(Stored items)
# # # # # # #

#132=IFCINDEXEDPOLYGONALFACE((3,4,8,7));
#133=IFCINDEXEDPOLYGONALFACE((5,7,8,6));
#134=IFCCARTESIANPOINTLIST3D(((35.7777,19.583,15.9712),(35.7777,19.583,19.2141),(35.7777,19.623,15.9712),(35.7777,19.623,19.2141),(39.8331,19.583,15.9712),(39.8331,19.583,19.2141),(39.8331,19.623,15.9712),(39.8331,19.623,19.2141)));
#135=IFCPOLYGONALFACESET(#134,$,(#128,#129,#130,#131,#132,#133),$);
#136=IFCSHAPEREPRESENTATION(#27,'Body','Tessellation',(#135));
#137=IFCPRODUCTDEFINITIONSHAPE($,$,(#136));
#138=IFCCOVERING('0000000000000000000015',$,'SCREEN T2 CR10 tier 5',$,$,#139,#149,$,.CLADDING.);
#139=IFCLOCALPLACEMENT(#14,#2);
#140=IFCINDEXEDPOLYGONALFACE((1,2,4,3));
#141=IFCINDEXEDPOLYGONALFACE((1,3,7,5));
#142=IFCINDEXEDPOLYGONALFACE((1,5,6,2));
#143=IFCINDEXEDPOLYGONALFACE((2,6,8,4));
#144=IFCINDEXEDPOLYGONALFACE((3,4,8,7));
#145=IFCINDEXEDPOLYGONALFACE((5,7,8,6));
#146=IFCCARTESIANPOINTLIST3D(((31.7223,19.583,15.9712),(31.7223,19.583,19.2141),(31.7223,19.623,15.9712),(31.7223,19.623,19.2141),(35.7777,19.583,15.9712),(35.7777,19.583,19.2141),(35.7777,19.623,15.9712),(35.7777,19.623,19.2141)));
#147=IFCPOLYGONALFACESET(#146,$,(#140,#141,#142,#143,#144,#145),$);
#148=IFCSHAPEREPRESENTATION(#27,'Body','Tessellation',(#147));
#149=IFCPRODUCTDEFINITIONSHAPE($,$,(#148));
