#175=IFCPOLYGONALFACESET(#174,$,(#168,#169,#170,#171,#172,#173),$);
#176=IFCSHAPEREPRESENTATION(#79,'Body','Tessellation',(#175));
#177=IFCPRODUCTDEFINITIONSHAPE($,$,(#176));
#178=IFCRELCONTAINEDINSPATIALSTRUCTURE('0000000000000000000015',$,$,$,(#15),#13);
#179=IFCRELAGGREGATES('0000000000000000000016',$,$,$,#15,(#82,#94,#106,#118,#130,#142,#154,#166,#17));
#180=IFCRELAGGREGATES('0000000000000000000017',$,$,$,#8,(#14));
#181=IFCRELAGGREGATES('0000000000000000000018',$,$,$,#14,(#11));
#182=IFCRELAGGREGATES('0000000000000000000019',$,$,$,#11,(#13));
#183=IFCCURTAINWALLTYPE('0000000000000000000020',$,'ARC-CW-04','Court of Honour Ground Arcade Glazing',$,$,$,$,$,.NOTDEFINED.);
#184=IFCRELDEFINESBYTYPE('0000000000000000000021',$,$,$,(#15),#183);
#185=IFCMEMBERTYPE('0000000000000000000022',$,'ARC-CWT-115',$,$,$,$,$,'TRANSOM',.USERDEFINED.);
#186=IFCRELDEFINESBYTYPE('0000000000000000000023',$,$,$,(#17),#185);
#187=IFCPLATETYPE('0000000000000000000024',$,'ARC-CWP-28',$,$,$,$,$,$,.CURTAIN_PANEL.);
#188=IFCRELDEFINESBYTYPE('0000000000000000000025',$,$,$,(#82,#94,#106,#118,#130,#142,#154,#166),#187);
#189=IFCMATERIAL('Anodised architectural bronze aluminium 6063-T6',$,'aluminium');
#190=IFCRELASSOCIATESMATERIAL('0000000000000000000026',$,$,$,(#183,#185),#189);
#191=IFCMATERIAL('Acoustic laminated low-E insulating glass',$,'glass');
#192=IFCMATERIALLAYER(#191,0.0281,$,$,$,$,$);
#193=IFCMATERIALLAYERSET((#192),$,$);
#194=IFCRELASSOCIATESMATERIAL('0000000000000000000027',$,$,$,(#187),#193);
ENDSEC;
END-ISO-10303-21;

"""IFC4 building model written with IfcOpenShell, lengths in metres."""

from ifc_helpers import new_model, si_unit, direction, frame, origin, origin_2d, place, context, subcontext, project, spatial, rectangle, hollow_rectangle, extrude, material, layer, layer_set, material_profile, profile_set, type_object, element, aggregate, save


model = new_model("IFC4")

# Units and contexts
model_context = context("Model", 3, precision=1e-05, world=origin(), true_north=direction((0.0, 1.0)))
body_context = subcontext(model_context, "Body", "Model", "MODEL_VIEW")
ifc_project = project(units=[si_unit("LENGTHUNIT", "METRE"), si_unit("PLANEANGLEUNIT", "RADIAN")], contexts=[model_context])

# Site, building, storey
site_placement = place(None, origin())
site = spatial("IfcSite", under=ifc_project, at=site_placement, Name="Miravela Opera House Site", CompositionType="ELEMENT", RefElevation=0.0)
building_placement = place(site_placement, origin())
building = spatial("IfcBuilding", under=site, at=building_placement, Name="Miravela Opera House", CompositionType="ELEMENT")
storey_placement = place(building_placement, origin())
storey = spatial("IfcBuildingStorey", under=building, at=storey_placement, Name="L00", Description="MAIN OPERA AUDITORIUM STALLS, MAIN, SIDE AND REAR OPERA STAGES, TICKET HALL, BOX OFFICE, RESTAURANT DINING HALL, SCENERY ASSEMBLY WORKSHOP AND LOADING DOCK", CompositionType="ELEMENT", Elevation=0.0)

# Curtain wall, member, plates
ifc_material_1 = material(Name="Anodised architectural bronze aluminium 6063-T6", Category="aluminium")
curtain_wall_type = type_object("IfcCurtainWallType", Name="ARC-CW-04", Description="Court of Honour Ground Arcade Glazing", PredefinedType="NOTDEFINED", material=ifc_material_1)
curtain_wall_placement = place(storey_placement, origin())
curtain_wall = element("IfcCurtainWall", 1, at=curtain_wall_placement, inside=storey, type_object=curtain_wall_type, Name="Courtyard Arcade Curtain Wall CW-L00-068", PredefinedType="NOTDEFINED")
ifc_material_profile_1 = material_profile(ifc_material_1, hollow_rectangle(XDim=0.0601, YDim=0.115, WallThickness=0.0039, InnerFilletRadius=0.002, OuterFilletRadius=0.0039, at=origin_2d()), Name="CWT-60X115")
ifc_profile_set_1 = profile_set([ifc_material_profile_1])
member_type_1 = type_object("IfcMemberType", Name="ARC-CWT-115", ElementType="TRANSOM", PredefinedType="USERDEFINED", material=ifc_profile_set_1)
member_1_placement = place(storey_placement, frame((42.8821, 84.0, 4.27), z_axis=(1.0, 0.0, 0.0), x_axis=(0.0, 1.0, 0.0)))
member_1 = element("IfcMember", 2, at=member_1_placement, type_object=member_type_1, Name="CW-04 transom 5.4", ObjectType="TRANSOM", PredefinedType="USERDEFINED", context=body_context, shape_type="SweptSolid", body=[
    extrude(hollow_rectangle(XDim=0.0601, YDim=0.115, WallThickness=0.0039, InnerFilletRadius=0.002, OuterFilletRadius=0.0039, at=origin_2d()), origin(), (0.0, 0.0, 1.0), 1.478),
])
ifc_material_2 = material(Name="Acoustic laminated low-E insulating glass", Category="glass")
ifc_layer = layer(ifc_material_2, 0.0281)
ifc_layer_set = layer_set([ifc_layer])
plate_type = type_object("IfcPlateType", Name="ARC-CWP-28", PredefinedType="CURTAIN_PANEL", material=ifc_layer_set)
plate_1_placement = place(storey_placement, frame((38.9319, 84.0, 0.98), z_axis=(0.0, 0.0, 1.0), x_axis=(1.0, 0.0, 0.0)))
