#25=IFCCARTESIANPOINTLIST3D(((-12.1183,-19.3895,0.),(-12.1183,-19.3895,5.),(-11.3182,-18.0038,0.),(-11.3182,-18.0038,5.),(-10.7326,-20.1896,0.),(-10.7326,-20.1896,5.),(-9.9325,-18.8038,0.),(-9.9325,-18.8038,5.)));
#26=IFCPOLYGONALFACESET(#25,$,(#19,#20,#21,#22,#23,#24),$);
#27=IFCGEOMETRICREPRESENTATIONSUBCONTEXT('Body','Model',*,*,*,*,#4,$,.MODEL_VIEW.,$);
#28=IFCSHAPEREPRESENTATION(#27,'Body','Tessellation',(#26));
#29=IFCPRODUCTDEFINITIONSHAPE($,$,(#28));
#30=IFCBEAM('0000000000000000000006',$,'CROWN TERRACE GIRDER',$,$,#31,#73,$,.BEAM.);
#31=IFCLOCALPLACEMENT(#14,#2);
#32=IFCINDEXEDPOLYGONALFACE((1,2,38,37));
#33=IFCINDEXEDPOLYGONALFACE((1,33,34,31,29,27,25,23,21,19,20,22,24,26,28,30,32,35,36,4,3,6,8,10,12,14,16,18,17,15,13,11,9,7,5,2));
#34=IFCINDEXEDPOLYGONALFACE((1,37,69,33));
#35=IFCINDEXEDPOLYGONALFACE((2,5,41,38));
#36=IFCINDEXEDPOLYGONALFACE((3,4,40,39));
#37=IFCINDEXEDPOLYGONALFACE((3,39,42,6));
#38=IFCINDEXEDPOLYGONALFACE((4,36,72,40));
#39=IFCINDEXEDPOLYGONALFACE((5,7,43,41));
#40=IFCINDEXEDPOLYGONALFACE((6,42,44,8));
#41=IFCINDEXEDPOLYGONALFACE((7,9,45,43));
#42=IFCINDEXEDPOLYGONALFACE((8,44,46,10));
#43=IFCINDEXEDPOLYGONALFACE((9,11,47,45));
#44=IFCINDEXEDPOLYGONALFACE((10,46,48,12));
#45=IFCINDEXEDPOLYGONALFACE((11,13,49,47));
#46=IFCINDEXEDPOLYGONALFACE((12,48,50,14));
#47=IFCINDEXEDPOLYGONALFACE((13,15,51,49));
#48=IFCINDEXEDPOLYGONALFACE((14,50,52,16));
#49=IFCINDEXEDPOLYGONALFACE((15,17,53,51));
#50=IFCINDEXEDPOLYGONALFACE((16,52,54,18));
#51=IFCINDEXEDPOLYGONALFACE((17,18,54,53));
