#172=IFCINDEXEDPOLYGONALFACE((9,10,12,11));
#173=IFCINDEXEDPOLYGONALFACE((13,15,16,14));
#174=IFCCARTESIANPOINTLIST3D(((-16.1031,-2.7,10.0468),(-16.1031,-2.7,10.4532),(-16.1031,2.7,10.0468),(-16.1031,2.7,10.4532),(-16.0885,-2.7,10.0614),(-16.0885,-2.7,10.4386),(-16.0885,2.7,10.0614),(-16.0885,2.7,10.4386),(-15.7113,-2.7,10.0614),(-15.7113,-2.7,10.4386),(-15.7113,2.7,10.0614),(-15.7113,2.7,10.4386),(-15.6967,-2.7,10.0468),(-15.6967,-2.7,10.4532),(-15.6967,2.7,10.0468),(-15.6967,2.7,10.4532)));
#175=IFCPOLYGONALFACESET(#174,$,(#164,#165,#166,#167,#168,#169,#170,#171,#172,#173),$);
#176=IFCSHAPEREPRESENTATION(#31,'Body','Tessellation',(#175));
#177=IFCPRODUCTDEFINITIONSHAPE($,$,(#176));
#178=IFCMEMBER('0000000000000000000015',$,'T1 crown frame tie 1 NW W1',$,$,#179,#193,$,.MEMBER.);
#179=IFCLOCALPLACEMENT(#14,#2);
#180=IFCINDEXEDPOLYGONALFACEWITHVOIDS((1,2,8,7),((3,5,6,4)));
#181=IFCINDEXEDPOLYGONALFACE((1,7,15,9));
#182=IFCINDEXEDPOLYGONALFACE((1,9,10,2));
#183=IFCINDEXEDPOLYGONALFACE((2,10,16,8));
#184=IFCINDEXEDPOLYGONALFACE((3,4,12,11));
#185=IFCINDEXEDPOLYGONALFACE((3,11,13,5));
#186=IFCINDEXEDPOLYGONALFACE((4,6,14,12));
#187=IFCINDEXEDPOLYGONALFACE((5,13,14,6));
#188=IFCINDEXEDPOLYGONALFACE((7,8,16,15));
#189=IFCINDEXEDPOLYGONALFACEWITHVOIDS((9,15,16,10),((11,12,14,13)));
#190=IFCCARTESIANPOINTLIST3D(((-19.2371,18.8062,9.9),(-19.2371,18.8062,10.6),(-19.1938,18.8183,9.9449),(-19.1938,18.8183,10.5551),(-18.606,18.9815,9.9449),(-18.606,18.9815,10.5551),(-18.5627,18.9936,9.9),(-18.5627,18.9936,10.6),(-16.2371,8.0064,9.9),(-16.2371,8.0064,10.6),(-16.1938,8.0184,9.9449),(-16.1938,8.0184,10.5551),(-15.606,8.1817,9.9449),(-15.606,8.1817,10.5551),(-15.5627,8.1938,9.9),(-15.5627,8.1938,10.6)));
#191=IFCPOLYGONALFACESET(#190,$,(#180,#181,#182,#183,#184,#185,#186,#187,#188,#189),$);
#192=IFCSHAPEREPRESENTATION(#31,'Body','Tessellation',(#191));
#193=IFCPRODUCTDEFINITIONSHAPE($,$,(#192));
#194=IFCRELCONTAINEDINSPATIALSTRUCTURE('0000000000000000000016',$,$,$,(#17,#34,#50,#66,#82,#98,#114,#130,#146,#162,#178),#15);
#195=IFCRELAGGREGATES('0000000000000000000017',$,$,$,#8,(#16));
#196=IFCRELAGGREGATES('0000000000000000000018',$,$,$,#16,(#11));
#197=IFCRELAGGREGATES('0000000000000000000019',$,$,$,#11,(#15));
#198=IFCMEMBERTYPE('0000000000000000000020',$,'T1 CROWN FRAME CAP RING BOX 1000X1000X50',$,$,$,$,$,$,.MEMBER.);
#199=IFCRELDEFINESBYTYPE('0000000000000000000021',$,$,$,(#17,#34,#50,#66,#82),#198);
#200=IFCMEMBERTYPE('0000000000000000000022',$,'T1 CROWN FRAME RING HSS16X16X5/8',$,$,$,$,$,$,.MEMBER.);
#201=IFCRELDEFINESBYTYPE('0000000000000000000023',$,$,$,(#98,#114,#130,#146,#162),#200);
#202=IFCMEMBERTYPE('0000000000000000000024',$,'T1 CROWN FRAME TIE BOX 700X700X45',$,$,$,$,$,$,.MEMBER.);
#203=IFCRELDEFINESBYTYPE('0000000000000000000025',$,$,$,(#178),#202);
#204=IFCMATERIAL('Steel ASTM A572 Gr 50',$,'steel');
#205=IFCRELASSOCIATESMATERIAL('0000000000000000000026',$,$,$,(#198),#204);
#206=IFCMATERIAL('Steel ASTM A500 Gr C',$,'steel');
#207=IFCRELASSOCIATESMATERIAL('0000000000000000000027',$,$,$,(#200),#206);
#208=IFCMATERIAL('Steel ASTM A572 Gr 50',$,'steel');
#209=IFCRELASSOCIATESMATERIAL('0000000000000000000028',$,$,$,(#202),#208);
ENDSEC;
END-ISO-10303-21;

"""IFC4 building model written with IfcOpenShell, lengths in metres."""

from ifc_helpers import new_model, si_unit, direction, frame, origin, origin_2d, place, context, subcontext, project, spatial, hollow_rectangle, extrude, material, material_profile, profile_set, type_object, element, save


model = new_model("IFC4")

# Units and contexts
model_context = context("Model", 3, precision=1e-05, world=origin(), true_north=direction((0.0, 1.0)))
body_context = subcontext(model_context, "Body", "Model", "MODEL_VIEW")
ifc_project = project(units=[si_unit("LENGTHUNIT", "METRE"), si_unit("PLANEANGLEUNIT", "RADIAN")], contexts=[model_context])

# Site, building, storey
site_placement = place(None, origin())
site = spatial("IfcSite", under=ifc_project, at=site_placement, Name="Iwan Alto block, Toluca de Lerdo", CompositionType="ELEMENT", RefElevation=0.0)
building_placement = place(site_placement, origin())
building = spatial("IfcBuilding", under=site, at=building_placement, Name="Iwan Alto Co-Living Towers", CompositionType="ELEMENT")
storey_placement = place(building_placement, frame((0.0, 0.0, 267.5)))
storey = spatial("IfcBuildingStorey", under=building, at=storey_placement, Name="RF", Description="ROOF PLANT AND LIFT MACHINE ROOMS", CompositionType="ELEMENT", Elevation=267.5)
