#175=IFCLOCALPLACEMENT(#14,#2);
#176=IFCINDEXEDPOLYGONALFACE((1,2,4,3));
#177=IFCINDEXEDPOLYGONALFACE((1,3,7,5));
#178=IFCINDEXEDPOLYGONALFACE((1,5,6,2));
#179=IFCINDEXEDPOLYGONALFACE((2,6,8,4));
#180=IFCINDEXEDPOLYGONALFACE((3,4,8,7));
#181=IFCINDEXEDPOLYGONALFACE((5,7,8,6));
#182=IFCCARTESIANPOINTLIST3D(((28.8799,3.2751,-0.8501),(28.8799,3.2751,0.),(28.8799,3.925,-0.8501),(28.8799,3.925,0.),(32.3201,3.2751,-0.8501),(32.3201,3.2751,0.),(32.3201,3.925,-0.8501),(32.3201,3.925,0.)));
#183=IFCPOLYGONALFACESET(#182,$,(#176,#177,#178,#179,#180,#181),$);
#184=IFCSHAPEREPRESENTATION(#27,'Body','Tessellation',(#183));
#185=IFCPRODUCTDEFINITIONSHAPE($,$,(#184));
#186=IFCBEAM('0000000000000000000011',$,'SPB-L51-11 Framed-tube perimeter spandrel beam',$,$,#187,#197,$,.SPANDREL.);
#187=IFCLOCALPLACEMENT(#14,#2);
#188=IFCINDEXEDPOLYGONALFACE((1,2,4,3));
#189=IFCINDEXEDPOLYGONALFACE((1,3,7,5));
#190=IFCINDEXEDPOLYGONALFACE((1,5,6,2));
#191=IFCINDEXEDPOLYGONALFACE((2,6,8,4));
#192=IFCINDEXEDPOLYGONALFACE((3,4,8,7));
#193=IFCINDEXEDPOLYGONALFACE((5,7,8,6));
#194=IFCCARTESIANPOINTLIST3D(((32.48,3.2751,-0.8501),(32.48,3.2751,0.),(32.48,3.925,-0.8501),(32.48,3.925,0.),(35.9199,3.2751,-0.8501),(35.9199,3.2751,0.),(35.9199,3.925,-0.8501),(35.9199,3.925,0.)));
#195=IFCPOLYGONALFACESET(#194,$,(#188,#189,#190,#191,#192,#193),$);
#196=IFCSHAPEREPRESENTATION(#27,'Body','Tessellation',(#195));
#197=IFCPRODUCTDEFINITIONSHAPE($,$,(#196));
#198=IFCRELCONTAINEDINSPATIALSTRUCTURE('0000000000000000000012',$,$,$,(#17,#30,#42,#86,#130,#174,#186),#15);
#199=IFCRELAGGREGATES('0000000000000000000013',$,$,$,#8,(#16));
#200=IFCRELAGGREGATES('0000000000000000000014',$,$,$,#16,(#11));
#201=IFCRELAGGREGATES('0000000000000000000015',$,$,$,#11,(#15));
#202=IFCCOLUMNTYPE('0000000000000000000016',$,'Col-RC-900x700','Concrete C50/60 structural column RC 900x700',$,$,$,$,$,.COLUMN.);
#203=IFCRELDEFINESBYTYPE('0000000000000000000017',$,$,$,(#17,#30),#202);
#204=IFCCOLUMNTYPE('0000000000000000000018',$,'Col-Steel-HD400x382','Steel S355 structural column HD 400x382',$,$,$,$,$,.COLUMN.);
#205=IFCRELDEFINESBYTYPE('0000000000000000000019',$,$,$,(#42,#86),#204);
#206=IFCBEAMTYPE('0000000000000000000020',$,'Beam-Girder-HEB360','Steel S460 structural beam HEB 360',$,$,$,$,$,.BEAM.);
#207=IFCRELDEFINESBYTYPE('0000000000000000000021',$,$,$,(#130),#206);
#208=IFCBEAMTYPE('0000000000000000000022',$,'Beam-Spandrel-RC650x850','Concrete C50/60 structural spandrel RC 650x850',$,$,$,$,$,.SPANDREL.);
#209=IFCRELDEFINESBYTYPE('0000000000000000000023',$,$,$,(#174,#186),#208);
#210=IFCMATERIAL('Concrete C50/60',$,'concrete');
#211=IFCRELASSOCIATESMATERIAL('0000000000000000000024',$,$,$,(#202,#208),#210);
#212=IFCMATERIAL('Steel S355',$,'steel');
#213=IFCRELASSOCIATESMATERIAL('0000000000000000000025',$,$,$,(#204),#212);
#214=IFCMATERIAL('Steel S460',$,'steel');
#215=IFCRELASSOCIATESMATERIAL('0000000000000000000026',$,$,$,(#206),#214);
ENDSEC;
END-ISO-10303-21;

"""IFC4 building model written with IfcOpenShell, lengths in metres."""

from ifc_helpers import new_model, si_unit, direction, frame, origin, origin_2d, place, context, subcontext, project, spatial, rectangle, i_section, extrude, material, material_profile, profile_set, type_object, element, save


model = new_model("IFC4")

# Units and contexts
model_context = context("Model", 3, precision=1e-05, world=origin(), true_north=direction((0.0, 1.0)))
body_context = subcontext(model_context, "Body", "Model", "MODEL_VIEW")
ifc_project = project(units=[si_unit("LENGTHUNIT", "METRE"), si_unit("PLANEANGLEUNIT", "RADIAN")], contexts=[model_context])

# # # # # # #

| TASK GOAL |
The line containing "#145=IFCINDEXEDPOLYGONALFACE((5,7,8,6));" marks the end: copy exactly every line from the top of the data above down to it, that line included.

| COMPLETED TASK |
#132=IFCINDEXEDPOLYGONALFACE((3,4,8,7));
#133=IFCINDEXEDPOLYGONALFACE((5,7,8,6));
#134=IFCCARTESIANPOINTLIST3D(((35.7777,19.583,15.9712),(35.7777,19.583,19.2141),(35.7777,19.623,15.9712),(35.7777,19.623,19.2141),(39.8331,19.583,15.9712),(39.8331,19.583,19.2141),(39.8331,19.623,15.9712),(39.8331,19.623,19.2141)));
#135=IFCPOLYGONALFACESET(#134,$,(#128,#129,#130,#131,#132,#133),$);
#136=IFCSHAPEREPRESENTATION(#27,'Body','Tessellation',(#135));
#137=IFCPRODUCTDEFINITIONSHAPE($,$,(#136));
#138=IFCCOVERING('0000000000000000000015',$,'SCREEN T2 CR10 tier 5',$,$,#139,#149,$,.CLADDING.);
#139=IFCLOCALPLACEMENT(#14,#2);
#140=IFCINDEXEDPOLYGONALFACE((1,2,4,3));
#141=IFCINDEXEDPOLYGONALFACE((1,3,7,5));
#142=IFCINDEXEDPOLYGONALFACE((1,5,6,2));
#143=IFCINDEXEDPOLYGONALFACE((2,6,8,4));
#144=IFCINDEXEDPOLYGONALFACE((3,4,8,7));
#145=IFCINDEXEDPOLYGONALFACE((5,7,8,6));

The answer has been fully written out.